From the entries below, copy every line that holds the word "Body".

*** Exercise data ***

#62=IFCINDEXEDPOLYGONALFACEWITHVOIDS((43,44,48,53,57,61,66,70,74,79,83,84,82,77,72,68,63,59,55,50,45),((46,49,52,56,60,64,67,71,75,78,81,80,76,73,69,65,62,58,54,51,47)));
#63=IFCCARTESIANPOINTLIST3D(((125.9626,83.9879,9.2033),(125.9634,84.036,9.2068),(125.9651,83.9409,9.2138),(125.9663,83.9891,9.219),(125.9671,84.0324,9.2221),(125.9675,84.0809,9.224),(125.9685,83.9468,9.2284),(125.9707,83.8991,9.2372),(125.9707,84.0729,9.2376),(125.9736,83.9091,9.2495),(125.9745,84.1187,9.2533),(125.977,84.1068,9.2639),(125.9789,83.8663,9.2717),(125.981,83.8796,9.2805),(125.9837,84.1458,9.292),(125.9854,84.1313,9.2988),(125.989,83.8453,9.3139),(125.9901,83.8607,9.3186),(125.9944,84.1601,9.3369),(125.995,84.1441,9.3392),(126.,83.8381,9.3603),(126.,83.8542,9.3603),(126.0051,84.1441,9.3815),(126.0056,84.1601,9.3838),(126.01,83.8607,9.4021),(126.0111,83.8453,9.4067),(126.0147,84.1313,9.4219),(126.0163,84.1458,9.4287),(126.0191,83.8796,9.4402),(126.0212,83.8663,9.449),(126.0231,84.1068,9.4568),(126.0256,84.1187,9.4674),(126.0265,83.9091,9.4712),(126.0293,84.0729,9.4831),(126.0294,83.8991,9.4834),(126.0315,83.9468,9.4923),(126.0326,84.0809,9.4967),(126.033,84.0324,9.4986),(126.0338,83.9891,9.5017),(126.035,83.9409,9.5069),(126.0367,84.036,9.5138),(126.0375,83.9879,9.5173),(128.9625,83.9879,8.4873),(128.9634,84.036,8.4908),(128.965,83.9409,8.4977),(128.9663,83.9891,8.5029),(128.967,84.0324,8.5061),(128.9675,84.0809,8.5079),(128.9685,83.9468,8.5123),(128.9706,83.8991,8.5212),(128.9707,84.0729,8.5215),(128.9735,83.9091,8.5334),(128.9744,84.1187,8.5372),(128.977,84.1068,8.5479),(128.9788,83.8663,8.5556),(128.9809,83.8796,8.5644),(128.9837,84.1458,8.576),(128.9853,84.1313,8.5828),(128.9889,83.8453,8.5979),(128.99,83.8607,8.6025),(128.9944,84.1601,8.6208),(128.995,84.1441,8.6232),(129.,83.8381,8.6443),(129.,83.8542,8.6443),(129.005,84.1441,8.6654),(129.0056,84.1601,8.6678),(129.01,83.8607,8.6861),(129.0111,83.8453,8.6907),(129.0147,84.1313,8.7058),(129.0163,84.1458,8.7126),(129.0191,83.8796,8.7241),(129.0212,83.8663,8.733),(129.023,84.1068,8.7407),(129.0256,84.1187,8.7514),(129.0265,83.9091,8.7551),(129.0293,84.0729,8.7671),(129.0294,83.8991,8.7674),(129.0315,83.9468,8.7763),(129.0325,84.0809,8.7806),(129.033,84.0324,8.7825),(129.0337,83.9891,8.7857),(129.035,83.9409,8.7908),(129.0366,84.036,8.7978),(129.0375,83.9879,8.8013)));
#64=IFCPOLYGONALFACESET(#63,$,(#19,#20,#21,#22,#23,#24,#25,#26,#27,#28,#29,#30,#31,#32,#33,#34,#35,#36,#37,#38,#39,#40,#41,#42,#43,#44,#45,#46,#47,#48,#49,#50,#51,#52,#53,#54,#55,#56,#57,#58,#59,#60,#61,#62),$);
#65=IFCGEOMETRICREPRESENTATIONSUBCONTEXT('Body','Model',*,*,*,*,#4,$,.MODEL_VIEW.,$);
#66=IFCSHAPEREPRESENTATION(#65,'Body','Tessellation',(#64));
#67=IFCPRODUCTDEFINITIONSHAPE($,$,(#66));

*** End of Exercise data ***

Task output:
#65=IFCGEOMETRICREPRESENTATIONSUBCONTEXT('Body','Model',*,*,*,*,#4,$,.MODEL_VIEW.,$);
#66=IFCSHAPEREPRESENTATION(#65,'Body','Tessellation',(#64));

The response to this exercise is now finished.